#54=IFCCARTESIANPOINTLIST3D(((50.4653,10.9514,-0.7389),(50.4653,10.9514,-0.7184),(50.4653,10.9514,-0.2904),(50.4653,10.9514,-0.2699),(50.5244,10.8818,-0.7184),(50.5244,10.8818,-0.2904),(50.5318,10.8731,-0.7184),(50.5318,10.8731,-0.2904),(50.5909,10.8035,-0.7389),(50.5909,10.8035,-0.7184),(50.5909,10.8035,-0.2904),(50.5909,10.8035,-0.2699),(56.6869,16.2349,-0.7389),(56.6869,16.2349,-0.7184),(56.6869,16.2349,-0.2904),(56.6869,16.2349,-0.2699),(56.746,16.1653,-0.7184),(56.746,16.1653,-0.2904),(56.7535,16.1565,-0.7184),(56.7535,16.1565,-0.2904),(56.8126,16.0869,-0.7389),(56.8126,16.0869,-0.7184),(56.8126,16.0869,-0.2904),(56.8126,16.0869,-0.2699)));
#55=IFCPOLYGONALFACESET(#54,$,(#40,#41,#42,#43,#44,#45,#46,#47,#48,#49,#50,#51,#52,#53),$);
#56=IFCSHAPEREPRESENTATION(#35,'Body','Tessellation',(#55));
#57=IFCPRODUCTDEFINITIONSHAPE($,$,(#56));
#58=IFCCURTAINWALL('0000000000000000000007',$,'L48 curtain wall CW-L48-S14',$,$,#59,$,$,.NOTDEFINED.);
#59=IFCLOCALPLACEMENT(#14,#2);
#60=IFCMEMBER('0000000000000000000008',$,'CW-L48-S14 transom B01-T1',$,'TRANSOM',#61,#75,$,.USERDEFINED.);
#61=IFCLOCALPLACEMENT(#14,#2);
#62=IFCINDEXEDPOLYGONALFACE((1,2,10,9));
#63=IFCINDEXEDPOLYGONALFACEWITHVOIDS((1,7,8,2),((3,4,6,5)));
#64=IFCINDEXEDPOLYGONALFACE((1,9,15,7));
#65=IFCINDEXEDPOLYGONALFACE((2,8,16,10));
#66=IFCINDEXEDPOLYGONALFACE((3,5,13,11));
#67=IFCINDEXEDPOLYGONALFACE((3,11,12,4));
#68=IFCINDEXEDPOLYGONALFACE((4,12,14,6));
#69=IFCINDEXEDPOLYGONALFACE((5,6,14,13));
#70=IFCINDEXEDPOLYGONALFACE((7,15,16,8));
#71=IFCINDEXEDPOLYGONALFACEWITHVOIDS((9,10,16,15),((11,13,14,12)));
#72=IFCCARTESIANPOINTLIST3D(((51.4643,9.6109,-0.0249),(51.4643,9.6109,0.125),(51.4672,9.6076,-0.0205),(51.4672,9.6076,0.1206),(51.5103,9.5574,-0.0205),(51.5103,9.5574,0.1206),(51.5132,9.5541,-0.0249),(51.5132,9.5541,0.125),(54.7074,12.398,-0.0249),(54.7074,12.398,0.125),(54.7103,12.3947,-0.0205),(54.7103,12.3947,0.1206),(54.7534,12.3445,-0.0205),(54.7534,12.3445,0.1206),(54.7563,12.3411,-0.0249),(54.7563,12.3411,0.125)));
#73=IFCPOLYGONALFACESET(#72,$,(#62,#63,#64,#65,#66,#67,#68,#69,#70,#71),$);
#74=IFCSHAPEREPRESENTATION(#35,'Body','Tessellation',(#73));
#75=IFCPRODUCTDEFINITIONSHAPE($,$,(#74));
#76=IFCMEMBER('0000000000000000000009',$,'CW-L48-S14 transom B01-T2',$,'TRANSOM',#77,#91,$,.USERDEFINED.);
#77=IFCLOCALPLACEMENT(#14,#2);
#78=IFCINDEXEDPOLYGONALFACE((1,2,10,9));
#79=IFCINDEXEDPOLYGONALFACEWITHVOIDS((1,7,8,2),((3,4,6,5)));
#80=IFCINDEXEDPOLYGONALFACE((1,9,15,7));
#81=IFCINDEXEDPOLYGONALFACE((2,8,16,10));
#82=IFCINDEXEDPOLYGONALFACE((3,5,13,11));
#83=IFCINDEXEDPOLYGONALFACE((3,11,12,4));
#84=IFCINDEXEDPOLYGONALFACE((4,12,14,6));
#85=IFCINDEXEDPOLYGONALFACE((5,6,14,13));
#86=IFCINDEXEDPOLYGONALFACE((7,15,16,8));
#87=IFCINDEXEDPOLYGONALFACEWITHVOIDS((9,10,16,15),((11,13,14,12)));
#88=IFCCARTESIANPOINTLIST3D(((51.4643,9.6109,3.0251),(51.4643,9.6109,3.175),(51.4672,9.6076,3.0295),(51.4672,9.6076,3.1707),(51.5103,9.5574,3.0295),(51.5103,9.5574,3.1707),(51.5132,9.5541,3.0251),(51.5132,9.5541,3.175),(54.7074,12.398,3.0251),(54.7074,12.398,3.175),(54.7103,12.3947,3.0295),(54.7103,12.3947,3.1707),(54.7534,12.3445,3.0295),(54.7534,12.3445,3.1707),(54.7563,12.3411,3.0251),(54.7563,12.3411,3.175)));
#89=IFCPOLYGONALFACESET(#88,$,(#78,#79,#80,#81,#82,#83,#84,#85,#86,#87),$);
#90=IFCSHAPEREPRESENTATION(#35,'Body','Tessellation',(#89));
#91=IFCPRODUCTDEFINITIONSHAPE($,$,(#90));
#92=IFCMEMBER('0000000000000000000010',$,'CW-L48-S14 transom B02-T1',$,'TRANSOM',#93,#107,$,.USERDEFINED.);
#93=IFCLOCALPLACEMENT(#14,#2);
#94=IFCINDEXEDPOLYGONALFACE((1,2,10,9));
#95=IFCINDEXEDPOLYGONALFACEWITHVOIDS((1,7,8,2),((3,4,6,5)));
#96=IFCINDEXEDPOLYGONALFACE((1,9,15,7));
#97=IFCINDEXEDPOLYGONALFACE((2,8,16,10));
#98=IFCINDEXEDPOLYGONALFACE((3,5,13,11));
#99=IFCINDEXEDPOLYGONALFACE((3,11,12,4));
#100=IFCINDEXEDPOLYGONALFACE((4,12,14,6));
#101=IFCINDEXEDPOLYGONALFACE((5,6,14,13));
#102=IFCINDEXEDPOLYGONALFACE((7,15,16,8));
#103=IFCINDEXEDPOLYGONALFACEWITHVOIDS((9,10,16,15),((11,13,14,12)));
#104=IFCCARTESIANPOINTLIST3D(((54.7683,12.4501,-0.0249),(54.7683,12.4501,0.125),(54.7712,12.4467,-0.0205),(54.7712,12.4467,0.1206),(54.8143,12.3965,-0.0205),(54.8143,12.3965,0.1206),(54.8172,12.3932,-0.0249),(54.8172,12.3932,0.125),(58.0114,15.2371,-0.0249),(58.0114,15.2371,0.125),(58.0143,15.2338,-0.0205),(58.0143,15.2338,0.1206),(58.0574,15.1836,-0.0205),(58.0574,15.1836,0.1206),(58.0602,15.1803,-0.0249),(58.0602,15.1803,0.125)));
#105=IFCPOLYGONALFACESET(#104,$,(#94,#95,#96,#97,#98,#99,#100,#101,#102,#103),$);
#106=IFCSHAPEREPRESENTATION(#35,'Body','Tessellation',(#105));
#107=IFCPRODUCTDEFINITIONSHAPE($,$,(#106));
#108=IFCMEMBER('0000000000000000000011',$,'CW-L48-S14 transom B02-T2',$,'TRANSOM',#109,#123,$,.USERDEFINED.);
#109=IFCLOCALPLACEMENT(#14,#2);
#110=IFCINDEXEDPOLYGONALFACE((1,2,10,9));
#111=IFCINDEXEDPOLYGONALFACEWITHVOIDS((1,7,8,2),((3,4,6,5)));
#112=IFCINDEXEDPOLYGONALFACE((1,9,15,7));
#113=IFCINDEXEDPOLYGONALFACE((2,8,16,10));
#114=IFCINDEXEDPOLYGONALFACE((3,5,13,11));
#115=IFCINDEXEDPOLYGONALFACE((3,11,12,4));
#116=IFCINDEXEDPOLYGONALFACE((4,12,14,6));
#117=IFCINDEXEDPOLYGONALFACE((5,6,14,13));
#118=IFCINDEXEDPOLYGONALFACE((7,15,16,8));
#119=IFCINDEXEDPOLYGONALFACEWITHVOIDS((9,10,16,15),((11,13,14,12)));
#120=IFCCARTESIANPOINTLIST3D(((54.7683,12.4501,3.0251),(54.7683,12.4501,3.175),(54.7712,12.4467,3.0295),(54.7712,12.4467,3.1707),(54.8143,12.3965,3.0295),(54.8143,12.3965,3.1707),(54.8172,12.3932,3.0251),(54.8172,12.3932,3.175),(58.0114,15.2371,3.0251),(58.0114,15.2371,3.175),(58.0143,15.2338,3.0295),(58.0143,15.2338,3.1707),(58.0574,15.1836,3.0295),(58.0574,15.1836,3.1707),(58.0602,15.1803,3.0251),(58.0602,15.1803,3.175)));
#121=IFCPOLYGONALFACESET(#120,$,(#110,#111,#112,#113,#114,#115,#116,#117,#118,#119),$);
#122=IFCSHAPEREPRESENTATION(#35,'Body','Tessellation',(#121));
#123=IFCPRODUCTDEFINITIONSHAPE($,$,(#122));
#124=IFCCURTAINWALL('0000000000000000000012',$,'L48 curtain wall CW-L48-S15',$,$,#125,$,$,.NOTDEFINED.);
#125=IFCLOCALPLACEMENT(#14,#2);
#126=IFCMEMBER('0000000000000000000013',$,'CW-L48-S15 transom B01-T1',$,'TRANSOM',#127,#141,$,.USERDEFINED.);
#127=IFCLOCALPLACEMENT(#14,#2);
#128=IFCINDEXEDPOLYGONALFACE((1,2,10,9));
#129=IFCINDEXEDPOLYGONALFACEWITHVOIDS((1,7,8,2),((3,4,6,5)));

════════════════════

» **Task brief**:
What are the lines above, starting at the one with "#116=IFCINDEXEDPOLYGONALFACE((4,12,14,6));" and ending at the one with "#124=IFCCURTAINWALL('0000000000000000000012',$,'L48 curtain wall"? Give them again exactly, and only them.

» **Output for this task**:
#116=IFCINDEXEDPOLYGONALFACE((4,12,14,6));
#117=IFCINDEXEDPOLYGONALFACE((5,6,14,13));
#118=IFCINDEXEDPOLYGONALFACE((7,15,16,8));
#119=IFCINDEXEDPOLYGONALFACEWITHVOIDS((9,10,16,15),((11,13,14,12)));
#120=IFCCARTESIANPOINTLIST3D(((54.7683,12.4501,3.0251),(54.7683,12.4501,3.175),(54.7712,12.4467,3.0295),(54.7712,12.4467,3.1707),(54.8143,12.3965,3.0295),(54.8143,12.3965,3.1707),(54.8172,12.3932,3.0251),(54.8172,12.3932,3.175),(58.0114,15.2371,3.0251),(58.0114,15.2371,3.175),(58.0143,15.2338,3.0295),(58.0143,15.2338,3.1707),(58.0574,15.1836,3.0295),(58.0574,15.1836,3.1707),(58.0602,15.1803,3.0251),(58.0602,15.1803,3.175)));
#121=IFCPOLYGONALFACESET(#120,$,(#110,#111,#112,#113,#114,#115,#116,#117,#118,#119),$);
#122=IFCSHAPEREPRESENTATION(#35,'Body','Tessellation',(#121));
#123=IFCPRODUCTDEFINITIONSHAPE($,$,(#122));
#124=IFCCURTAINWALL('0000000000000000000012',$,'L48 curtain wall CW-L48-S15',$,$,#125,$,$,.NOTDEFINED.);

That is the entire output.